◆ PROBLEM STATEMENT
Each line below that contains the word "IFCPRODUCTDEFINITIONSHAPE" is to be counted; give only the final number.

[Records drawn from a dataset]
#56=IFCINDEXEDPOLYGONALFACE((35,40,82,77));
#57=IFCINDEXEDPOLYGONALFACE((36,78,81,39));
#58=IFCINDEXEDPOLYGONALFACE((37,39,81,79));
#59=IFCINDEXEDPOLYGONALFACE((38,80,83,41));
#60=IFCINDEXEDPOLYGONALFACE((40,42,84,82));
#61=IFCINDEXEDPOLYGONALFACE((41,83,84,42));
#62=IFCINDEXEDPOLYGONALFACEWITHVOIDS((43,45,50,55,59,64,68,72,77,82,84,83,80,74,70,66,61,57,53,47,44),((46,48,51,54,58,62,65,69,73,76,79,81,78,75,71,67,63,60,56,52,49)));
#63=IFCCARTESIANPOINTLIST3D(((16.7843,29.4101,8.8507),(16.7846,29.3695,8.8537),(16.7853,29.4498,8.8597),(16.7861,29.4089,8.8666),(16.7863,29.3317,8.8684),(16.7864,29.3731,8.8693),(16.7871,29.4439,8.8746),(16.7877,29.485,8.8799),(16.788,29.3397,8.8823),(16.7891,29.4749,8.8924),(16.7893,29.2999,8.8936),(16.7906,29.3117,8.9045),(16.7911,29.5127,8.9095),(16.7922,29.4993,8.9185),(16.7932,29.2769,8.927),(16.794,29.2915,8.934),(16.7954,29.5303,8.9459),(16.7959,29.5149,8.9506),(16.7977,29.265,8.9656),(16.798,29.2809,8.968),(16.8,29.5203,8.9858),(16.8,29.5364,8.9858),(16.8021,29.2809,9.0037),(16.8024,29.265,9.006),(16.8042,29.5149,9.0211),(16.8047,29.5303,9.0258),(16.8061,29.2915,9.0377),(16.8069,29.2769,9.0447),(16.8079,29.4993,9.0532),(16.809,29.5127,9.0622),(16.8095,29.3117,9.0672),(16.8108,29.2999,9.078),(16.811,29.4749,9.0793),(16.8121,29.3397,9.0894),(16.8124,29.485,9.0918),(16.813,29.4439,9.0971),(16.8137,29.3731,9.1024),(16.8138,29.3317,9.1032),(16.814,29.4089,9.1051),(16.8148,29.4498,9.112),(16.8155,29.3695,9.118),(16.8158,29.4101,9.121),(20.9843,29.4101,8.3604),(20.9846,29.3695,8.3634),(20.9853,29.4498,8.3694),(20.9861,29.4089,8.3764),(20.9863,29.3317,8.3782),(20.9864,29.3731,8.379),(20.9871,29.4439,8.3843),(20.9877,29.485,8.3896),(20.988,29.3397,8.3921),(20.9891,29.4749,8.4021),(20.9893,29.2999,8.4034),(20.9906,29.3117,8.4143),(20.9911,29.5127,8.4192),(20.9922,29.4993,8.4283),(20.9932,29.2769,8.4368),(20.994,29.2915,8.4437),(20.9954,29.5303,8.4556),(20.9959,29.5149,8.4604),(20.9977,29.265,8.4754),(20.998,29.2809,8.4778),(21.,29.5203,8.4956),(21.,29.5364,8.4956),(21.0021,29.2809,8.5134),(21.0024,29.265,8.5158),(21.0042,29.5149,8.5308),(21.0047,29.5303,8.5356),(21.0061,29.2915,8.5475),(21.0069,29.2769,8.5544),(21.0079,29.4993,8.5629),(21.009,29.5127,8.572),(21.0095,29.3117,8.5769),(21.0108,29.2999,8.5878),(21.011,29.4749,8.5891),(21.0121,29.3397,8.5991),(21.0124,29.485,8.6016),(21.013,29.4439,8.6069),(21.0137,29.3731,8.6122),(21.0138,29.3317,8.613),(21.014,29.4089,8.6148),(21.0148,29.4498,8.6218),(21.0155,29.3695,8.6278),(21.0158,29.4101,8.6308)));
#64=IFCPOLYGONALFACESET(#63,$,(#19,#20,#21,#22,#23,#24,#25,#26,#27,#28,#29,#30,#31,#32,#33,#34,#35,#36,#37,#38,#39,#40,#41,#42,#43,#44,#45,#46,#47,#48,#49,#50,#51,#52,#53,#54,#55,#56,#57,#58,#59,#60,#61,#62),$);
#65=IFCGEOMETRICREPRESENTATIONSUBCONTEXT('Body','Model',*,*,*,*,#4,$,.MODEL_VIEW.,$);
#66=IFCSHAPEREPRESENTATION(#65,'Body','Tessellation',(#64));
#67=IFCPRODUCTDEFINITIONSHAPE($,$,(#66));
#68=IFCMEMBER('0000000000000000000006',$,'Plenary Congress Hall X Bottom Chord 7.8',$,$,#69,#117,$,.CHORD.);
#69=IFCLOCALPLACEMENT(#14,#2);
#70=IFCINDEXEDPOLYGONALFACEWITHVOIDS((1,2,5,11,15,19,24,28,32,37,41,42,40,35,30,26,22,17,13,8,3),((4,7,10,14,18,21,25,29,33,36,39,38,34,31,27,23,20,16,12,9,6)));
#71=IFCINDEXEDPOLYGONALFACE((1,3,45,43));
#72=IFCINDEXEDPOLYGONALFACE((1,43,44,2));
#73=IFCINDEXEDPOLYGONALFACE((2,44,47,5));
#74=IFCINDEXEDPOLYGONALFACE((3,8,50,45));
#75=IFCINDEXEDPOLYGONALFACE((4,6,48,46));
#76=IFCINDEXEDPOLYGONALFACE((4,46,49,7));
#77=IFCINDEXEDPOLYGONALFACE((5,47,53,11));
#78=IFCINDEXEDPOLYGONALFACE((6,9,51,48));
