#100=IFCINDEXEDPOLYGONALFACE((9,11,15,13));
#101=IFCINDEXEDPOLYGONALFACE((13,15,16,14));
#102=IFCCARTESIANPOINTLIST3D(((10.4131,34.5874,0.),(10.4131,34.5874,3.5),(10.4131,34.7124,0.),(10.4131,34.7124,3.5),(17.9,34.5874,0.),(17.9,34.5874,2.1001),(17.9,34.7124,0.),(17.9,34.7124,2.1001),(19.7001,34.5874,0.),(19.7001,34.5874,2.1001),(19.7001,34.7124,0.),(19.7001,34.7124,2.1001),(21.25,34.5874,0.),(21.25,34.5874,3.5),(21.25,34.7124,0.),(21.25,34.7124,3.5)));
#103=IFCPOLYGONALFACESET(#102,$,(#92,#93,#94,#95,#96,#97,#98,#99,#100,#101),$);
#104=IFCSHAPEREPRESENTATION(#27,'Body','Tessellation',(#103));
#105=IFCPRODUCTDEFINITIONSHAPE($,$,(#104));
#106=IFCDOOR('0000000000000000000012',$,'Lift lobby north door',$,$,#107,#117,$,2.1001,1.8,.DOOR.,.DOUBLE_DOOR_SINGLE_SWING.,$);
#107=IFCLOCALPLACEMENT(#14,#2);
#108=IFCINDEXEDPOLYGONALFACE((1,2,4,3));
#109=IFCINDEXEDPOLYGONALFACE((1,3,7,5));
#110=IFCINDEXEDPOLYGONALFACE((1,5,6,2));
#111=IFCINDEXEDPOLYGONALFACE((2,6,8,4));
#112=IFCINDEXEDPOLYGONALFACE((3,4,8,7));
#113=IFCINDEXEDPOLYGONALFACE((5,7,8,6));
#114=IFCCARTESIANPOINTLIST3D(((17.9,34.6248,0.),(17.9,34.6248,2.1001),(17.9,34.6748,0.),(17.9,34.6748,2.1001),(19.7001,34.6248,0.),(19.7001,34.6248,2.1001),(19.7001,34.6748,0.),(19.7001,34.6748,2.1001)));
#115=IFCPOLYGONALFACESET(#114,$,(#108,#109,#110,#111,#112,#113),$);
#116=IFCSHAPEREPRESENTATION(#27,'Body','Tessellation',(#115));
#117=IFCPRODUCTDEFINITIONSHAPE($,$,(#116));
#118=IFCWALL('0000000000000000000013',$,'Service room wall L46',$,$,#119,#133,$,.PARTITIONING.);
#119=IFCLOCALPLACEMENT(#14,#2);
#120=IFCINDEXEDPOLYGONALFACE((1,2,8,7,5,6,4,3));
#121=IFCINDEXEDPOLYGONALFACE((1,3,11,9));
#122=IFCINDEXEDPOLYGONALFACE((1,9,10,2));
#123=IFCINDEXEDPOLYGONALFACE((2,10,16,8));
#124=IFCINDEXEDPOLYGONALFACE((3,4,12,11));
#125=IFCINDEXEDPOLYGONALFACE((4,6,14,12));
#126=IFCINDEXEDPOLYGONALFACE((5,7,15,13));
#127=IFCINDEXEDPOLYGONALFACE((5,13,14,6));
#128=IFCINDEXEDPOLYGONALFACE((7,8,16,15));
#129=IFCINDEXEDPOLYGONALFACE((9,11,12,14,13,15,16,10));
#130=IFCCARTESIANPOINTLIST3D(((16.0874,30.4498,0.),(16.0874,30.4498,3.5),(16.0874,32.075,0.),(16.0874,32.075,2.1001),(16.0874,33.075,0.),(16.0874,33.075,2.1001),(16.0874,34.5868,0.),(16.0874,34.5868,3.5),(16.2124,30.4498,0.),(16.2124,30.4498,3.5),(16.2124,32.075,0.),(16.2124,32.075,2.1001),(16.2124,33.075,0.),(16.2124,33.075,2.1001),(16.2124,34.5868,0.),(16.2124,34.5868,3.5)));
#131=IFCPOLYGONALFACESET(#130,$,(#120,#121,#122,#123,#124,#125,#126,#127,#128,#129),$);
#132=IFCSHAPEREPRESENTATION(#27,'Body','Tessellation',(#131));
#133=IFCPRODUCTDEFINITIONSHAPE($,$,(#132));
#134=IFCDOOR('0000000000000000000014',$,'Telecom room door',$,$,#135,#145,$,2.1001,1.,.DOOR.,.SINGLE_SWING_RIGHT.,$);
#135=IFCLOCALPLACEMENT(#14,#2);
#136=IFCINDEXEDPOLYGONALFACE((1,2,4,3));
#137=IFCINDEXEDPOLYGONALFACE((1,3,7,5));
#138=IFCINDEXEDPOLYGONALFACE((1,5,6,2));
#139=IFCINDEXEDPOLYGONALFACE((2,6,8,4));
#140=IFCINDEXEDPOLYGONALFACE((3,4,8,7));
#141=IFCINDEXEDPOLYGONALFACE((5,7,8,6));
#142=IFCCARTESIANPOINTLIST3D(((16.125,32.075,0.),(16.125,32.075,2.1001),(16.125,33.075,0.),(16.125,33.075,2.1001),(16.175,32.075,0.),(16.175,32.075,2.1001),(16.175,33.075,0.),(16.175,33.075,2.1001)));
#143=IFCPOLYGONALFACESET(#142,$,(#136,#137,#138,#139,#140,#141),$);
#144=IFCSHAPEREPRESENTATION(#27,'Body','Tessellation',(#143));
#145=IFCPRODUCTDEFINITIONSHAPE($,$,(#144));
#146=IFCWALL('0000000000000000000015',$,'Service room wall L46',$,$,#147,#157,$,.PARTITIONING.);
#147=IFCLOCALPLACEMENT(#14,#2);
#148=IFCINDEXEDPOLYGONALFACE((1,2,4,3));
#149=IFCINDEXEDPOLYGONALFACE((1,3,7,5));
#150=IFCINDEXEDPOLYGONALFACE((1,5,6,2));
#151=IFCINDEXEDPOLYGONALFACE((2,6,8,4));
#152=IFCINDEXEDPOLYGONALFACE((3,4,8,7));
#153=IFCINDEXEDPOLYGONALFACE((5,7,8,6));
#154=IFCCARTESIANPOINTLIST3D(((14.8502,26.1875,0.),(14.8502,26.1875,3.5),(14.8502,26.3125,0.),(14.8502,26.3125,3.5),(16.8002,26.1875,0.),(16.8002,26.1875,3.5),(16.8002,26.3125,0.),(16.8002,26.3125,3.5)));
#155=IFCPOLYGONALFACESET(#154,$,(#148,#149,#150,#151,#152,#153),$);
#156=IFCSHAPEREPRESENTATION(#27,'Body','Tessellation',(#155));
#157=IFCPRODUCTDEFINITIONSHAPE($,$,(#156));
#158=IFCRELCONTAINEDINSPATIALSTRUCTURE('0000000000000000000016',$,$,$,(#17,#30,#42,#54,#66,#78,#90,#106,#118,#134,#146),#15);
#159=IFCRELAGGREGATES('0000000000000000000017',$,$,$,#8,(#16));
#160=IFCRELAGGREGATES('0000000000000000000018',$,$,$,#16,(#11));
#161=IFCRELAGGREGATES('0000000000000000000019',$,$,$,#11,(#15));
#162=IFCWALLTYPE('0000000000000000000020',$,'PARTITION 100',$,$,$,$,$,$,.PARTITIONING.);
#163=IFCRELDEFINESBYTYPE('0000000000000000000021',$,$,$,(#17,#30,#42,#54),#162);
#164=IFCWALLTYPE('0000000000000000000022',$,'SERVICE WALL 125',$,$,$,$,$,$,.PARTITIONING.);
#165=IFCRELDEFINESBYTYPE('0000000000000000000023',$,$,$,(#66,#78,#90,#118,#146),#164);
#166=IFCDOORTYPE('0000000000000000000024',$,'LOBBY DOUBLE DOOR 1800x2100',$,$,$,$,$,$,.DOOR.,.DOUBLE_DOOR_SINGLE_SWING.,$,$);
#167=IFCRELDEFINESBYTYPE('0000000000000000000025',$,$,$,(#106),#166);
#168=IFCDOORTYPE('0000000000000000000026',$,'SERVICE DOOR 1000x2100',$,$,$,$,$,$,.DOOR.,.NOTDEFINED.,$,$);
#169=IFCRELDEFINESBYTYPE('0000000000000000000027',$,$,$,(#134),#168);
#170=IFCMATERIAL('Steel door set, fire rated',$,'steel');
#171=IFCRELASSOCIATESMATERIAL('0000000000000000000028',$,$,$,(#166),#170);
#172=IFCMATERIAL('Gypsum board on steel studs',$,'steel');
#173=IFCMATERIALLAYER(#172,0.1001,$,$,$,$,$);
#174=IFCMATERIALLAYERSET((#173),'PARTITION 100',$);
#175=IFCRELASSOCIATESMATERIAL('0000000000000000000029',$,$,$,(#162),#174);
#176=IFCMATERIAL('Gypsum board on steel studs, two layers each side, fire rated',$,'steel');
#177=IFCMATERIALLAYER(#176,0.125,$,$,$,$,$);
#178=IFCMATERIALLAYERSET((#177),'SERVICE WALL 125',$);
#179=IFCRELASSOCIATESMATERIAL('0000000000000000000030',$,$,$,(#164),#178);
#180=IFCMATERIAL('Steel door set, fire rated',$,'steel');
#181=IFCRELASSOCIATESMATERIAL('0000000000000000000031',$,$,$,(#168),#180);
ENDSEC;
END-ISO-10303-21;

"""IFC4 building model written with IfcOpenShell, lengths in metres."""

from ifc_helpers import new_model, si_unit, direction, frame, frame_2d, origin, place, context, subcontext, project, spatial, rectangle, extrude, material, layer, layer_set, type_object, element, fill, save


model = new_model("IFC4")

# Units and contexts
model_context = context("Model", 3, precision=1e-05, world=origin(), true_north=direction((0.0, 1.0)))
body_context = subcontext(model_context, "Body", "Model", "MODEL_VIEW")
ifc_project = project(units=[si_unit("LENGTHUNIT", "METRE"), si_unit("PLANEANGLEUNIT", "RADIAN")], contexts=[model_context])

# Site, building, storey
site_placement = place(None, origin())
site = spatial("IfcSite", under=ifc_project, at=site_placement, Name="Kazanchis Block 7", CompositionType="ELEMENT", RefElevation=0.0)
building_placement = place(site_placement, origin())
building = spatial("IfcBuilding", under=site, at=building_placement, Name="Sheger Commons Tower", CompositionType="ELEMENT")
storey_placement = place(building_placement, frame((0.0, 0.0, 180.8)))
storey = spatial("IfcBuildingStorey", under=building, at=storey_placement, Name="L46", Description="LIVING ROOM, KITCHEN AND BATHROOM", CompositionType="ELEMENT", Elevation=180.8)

◆ SOLUTION FOR THIS EXERCISE
6